● **TASK ITEM**: Restate word for word the lines beginning with the one that contains "Core Anchor Column" and ending at the bottom of the records below, both included.

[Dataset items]
::::::::::

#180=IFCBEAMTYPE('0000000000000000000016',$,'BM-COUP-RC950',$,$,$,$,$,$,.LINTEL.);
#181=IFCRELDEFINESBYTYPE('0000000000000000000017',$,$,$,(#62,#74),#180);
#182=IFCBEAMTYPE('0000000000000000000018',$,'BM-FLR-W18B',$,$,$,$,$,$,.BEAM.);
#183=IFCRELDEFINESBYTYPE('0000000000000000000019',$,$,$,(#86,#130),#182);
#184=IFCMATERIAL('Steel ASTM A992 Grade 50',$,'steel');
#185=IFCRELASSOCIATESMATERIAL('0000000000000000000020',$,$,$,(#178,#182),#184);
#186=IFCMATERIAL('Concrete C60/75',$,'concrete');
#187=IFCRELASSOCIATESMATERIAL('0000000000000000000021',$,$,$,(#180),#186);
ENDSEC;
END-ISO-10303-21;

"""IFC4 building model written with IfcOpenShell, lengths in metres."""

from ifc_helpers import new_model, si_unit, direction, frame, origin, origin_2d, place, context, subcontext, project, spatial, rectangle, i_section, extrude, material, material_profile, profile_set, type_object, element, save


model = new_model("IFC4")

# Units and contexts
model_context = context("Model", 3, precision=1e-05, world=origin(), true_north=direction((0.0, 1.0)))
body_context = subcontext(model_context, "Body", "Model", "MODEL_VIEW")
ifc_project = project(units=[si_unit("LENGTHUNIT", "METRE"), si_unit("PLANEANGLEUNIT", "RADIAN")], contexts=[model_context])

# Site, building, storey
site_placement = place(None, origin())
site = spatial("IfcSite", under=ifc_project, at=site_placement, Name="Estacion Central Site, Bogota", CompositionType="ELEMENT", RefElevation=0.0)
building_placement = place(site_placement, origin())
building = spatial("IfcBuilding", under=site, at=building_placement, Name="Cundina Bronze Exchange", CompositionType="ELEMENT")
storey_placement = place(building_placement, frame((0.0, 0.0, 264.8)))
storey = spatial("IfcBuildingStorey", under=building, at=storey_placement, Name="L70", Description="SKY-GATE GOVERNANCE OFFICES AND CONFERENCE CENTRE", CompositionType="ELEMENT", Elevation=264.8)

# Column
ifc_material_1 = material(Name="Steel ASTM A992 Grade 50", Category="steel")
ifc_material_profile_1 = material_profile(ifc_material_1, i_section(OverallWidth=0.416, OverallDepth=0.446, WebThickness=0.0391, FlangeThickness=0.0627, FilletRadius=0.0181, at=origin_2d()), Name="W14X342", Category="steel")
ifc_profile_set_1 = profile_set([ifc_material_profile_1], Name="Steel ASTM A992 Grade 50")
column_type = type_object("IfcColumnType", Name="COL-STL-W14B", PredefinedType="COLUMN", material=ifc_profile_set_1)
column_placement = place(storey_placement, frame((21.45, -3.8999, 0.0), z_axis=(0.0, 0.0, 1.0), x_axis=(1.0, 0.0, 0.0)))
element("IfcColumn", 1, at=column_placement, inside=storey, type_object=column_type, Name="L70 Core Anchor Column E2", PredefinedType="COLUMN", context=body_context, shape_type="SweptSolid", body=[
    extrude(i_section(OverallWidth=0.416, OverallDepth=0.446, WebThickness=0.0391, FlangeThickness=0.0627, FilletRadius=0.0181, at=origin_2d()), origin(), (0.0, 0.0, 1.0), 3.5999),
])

::::::::::

● **EXERCISE RESPONSE**:
element("IfcColumn", 1, at=column_placement, inside=storey, type_object=column_type, Name="L70 Core Anchor Column E2", PredefinedType="COLUMN", context=body_context, shape_type="SweptSolid", body=[
    extrude(i_section(OverallWidth=0.416, OverallDepth=0.446, WebThickness=0.0391, FlangeThickness=0.0627, FilletRadius=0.0181, at=origin_2d()), origin(), (0.0, 0.0, 1.0), 3.5999),
])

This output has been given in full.